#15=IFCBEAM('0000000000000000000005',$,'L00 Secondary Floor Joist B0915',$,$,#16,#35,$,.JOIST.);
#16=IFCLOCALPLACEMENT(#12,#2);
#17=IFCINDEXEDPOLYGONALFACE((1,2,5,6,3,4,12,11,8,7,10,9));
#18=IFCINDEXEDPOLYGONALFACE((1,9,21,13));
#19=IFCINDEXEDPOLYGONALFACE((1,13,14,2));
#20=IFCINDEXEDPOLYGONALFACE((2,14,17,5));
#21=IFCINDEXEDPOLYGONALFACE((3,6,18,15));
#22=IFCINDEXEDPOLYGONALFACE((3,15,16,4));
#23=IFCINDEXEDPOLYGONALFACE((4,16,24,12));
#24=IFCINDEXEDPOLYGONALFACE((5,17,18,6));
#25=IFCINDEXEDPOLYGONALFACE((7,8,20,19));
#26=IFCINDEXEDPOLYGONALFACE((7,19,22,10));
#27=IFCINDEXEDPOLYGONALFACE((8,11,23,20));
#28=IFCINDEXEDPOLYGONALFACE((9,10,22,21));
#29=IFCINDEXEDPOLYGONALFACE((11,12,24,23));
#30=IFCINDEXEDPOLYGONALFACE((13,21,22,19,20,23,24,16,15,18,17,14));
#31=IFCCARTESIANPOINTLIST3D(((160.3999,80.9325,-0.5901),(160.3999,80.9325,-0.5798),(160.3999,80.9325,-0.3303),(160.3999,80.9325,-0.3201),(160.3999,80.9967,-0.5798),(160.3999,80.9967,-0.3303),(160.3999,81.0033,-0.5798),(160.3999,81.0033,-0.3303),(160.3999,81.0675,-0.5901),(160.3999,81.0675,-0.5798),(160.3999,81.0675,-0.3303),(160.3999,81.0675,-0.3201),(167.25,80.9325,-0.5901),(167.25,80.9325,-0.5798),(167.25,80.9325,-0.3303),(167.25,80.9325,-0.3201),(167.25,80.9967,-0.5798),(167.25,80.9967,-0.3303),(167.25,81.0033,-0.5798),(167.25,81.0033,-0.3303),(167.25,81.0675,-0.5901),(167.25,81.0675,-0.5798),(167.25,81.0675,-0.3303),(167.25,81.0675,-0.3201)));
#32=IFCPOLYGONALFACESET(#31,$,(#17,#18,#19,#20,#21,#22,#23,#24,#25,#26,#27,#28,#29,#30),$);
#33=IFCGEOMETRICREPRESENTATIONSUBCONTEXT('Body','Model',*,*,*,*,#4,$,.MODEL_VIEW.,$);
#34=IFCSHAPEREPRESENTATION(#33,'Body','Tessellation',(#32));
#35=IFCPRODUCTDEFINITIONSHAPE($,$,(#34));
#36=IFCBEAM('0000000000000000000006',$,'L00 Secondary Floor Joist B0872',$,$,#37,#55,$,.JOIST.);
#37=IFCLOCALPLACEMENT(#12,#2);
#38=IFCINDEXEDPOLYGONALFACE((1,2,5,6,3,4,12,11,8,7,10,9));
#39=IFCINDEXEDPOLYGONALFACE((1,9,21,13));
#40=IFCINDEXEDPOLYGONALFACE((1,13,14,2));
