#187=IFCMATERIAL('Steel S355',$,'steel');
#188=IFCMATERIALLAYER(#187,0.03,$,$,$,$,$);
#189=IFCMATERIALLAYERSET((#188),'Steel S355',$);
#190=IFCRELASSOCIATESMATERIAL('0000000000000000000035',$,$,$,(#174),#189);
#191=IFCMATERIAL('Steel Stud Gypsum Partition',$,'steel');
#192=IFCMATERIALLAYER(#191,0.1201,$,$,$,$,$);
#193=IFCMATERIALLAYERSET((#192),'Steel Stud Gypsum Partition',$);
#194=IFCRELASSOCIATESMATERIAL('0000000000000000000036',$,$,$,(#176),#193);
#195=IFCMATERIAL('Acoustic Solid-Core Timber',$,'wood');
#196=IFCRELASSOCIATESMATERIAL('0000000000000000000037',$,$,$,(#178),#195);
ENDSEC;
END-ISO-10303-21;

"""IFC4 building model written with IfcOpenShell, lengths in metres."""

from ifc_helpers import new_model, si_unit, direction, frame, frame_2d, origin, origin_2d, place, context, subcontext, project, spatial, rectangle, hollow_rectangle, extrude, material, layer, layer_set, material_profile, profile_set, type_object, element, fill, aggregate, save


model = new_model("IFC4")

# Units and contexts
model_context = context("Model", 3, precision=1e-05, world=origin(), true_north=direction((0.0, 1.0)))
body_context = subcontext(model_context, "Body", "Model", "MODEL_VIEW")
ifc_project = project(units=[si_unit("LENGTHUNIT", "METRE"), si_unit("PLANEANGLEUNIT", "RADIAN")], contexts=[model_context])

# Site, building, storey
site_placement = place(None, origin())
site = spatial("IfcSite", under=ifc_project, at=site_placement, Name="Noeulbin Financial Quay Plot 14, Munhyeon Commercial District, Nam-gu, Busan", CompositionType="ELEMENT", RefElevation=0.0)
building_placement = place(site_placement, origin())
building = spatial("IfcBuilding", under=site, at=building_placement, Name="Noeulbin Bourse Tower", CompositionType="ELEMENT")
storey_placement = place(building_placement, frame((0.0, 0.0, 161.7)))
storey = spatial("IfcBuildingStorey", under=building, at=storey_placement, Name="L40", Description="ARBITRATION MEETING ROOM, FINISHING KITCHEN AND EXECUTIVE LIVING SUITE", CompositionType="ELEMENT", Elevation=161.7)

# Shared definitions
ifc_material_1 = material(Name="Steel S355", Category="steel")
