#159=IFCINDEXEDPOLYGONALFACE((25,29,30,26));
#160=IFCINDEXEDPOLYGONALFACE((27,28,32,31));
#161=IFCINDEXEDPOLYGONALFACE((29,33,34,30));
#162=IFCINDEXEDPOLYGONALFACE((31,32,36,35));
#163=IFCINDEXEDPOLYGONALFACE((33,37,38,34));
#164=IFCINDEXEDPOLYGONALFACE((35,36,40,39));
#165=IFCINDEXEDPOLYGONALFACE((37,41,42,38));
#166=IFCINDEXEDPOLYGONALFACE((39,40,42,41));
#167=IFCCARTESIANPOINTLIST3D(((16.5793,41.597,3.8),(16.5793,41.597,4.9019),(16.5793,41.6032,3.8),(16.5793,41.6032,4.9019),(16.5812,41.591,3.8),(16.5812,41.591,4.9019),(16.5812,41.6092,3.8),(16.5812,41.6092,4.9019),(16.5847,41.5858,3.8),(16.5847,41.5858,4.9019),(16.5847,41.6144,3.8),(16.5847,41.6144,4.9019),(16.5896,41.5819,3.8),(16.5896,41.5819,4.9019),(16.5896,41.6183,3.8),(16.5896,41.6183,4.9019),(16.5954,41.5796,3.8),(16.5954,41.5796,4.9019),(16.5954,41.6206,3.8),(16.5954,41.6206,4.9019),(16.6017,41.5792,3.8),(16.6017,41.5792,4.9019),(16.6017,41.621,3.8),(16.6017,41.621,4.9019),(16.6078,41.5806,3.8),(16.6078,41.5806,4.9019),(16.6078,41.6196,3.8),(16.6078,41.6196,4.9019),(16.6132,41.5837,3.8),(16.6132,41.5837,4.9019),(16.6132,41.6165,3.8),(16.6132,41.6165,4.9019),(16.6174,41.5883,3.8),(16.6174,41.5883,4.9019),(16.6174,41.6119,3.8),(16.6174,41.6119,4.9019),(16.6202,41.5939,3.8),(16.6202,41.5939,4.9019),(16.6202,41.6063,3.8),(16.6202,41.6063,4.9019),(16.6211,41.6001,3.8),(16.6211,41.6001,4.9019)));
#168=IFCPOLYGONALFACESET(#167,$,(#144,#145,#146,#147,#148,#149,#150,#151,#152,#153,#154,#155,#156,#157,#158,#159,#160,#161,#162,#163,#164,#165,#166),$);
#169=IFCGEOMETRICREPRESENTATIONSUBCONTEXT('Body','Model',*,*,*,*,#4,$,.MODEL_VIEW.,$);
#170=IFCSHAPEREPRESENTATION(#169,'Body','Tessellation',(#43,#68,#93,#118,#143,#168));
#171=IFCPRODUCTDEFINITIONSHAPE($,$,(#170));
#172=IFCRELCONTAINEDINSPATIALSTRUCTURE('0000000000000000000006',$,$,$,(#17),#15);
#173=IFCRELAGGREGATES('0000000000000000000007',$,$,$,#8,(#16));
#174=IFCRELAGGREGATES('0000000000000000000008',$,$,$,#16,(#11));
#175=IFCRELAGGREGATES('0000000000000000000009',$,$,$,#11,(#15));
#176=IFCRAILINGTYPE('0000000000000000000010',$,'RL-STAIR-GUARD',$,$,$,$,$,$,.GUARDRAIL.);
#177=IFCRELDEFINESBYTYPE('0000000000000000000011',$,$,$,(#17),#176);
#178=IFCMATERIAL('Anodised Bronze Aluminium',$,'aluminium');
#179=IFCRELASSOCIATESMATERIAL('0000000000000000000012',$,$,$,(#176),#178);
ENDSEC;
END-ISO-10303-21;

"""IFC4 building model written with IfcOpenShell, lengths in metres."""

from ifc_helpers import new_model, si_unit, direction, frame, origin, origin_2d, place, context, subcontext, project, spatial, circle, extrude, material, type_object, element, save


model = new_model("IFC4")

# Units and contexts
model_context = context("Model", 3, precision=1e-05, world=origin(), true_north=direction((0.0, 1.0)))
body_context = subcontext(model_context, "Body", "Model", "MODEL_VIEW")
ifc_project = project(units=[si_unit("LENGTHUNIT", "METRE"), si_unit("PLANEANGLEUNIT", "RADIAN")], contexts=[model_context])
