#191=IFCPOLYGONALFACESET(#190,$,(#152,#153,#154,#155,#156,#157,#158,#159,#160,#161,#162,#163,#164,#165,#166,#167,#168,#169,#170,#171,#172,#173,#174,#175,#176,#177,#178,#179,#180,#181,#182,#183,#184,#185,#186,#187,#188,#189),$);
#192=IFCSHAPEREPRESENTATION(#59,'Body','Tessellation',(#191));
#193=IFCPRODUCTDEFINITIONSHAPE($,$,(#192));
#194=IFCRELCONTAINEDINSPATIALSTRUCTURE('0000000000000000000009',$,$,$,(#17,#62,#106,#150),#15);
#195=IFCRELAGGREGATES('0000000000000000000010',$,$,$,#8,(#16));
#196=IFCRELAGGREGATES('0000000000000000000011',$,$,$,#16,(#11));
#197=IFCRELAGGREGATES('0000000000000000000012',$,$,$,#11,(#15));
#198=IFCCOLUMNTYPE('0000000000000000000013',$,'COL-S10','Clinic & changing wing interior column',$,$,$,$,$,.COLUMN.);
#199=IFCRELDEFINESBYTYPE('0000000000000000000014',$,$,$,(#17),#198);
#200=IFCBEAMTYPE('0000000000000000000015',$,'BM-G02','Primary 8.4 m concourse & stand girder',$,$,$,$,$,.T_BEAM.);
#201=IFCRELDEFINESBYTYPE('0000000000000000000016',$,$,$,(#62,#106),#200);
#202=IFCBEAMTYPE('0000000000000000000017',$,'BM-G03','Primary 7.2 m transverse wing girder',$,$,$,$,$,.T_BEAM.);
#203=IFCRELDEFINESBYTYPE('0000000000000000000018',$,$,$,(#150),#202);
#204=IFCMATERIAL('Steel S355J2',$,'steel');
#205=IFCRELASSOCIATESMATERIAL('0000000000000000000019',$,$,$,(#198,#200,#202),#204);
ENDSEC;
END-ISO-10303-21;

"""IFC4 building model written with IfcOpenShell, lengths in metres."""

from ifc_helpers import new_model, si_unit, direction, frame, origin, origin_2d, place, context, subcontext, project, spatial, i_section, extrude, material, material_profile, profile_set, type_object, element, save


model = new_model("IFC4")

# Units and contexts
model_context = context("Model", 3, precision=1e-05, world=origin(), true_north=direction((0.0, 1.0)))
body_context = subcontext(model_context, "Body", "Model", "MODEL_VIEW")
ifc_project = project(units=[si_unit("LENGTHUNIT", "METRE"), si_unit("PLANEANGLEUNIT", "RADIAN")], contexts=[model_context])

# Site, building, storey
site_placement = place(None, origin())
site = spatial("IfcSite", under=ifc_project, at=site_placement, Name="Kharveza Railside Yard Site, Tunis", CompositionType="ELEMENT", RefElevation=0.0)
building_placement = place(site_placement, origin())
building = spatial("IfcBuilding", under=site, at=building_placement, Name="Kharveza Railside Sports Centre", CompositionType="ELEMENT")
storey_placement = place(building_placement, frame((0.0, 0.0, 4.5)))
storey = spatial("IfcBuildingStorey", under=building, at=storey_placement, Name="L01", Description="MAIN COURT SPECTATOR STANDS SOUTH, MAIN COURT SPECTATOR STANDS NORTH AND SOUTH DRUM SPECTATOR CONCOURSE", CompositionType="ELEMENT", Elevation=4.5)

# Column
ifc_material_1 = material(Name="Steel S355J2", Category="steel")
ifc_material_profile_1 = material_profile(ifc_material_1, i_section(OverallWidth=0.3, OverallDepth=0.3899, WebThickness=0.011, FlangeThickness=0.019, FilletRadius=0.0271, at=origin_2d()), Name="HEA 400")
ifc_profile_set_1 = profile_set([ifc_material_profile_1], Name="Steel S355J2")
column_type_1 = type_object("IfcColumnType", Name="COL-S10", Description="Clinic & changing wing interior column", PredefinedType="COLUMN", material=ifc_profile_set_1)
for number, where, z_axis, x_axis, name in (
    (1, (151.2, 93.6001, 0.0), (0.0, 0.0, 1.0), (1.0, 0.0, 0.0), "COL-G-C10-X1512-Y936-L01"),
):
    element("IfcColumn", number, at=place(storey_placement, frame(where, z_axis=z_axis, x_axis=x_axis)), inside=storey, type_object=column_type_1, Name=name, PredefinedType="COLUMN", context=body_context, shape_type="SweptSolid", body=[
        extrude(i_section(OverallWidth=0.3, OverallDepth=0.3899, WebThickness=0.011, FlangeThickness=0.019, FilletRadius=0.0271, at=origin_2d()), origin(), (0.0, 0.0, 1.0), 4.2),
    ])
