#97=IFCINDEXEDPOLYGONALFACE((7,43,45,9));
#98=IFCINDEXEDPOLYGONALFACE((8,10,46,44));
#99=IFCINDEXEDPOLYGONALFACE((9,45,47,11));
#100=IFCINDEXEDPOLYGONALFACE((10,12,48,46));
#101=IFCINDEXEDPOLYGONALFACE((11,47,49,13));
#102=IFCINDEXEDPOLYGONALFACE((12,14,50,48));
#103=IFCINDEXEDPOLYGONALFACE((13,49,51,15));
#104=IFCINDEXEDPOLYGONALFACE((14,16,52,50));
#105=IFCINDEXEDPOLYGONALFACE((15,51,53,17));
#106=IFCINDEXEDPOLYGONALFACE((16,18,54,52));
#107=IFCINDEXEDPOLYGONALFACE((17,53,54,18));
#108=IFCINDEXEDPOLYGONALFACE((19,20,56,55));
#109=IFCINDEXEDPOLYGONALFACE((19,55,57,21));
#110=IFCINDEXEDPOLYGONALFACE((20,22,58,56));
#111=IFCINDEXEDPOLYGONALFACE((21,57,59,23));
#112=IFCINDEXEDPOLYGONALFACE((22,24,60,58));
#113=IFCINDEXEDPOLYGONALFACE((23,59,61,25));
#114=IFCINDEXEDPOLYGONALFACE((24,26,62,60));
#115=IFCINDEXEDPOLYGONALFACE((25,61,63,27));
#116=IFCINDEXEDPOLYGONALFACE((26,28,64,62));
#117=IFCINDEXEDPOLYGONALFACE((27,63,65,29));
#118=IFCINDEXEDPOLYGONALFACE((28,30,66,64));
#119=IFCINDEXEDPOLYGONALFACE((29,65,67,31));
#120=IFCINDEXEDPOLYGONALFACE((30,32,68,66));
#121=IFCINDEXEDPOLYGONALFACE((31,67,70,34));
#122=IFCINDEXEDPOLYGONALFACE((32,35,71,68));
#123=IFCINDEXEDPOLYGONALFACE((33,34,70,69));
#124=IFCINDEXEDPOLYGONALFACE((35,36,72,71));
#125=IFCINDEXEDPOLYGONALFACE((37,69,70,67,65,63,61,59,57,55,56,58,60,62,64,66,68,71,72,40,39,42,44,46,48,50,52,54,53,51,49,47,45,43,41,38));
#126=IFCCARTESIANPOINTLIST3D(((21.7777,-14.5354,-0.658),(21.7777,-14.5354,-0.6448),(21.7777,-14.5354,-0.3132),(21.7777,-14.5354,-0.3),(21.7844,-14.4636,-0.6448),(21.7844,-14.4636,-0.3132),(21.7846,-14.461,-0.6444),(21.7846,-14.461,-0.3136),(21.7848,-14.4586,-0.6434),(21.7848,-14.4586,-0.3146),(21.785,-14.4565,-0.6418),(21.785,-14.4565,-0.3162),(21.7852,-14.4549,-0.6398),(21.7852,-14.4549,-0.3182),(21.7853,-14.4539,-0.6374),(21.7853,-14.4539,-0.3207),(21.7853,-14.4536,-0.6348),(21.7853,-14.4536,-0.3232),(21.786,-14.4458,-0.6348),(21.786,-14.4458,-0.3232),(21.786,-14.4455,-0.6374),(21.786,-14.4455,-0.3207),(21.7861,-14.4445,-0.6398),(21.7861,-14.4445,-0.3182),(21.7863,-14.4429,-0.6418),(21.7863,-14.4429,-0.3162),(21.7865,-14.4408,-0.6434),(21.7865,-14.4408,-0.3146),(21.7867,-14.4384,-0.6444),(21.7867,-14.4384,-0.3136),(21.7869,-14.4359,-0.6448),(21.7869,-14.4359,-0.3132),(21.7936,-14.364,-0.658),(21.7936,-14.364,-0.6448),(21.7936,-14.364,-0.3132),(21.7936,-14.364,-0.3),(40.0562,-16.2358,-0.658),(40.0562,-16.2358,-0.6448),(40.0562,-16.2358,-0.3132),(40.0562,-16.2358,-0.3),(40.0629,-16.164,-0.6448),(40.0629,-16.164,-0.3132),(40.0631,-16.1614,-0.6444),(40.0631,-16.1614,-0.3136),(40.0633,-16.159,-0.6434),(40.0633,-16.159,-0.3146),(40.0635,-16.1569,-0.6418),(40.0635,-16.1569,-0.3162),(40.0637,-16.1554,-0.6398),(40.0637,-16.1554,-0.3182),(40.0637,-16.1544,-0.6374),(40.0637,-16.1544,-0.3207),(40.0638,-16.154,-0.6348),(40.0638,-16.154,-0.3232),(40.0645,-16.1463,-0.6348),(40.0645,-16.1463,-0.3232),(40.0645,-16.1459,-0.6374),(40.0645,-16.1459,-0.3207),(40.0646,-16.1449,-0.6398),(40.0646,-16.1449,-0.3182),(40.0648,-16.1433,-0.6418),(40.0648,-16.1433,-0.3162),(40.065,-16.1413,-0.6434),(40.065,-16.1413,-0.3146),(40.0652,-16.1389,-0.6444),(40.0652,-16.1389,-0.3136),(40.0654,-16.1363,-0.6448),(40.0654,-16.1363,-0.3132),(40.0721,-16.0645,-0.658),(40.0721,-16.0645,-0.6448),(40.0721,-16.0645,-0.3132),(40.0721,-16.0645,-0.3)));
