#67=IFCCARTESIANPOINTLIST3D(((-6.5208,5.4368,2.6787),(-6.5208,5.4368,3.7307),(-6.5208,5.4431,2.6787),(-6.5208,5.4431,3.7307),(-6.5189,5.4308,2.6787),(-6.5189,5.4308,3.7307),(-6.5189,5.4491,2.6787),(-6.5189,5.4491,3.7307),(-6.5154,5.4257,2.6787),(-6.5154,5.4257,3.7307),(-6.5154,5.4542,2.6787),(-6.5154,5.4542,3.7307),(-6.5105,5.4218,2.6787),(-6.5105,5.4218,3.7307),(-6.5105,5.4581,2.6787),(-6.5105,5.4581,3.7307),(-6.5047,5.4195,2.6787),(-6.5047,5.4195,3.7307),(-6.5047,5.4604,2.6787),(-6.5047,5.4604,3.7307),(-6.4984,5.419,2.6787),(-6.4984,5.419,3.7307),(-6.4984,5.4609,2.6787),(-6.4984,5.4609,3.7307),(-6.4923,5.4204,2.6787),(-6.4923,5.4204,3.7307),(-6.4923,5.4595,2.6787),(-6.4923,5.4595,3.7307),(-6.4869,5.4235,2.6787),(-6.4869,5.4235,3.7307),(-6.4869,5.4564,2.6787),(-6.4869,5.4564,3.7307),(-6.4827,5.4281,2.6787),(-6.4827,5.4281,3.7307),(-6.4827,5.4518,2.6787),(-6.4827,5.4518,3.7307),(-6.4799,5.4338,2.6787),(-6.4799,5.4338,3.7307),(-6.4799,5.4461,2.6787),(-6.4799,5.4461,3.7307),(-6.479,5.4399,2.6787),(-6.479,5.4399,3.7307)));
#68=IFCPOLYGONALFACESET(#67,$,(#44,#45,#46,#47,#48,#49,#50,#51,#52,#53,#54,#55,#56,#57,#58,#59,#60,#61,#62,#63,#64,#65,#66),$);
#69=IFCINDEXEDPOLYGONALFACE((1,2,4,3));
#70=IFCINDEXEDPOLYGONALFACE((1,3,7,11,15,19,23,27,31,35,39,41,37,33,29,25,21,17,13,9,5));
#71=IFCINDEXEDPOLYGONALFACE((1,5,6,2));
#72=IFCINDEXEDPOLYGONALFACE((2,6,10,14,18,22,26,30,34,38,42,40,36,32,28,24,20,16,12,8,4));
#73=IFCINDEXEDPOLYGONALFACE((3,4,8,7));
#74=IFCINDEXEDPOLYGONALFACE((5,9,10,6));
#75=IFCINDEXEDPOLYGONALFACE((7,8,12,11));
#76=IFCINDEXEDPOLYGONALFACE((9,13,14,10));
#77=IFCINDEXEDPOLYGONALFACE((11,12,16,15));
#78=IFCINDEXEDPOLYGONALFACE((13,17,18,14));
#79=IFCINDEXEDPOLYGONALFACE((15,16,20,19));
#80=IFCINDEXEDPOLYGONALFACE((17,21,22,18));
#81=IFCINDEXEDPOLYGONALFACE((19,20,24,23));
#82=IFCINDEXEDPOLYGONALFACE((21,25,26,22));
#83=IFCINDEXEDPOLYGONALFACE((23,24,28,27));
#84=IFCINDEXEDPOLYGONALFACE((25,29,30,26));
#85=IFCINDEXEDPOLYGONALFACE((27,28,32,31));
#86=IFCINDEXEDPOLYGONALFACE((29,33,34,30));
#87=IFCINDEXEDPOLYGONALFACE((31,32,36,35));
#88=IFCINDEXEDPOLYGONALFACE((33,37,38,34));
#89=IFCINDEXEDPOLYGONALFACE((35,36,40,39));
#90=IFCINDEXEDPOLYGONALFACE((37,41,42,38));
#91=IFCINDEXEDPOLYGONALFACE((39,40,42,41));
· · · · ·
▶ _Prompt_:
Nothing beyond the line containing "#37=IFCLOCALPLACEMENT(#12,#2);" is to be output; the lines above, from the first one onward to that line, are to be transcribed exactly.

▶ _Result for this exercise_:
#15=IFCBEAM('0000000000000000000005',$,'L00 Secondary Floor Joist B0915',$,$,#16,#35,$,.JOIST.);
#16=IFCLOCALPLACEMENT(#12,#2);
#17=IFCINDEXEDPOLYGONALFACE((1,2,5,6,3,4,12,11,8,7,10,9));
#18=IFCINDEXEDPOLYGONALFACE((1,9,21,13));
#19=IFCINDEXEDPOLYGONALFACE((1,13,14,2));
#20=IFCINDEXEDPOLYGONALFACE((2,14,17,5));
#21=IFCINDEXEDPOLYGONALFACE((3,6,18,15));
#22=IFCINDEXEDPOLYGONALFACE((3,15,16,4));
#23=IFCINDEXEDPOLYGONALFACE((4,16,24,12));
#24=IFCINDEXEDPOLYGONALFACE((5,17,18,6));
#25=IFCINDEXEDPOLYGONALFACE((7,8,20,19));
#26=IFCINDEXEDPOLYGONALFACE((7,19,22,10));
#27=IFCINDEXEDPOLYGONALFACE((8,11,23,20));
#28=IFCINDEXEDPOLYGONALFACE((9,10,22,21));
#29=IFCINDEXEDPOLYGONALFACE((11,12,24,23));
#30=IFCINDEXEDPOLYGONALFACE((13,21,22,19,20,23,24,16,15,18,17,14));
#31=IFCCARTESIANPOINTLIST3D(((160.3999,80.9325,-0.5901),(160.3999,80.9325,-0.5798),(160.3999,80.9325,-0.3303),(160.3999,80.9325,-0.3201),(160.3999,80.9967,-0.5798),(160.3999,80.9967,-0.3303),(160.3999,81.0033,-0.5798),(160.3999,81.0033,-0.3303),(160.3999,81.0675,-0.5901),(160.3999,81.0675,-0.5798),(160.3999,81.0675,-0.3303),(160.3999,81.0675,-0.3201),(167.25,80.9325,-0.5901),(167.25,80.9325,-0.5798),(167.25,80.9325,-0.3303),(167.25,80.9325,-0.3201),(167.25,80.9967,-0.5798),(167.25,80.9967,-0.3303),(167.25,81.0033,-0.5798),(167.25,81.0033,-0.3303),(167.25,81.0675,-0.5901),(167.25,81.0675,-0.5798),(167.25,81.0675,-0.3303),(167.25,81.0675,-0.3201)));
#32=IFCPOLYGONALFACESET(#31,$,(#17,#18,#19,#20,#21,#22,#23,#24,#25,#26,#27,#28,#29,#30),$);
#33=IFCGEOMETRICREPRESENTATIONSUBCONTEXT('Body','Model',*,*,*,*,#4,$,.MODEL_VIEW.,$);
#34=IFCSHAPEREPRESENTATION(#33,'Body','Tessellation',(#32));
#35=IFCPRODUCTDEFINITIONSHAPE($,$,(#34));
#36=IFCBEAM('0000000000000000000006',$,'L00 Secondary Floor Joist B0872',$,$,#37,#55,$,.JOIST.);
#37=IFCLOCALPLACEMENT(#12,#2);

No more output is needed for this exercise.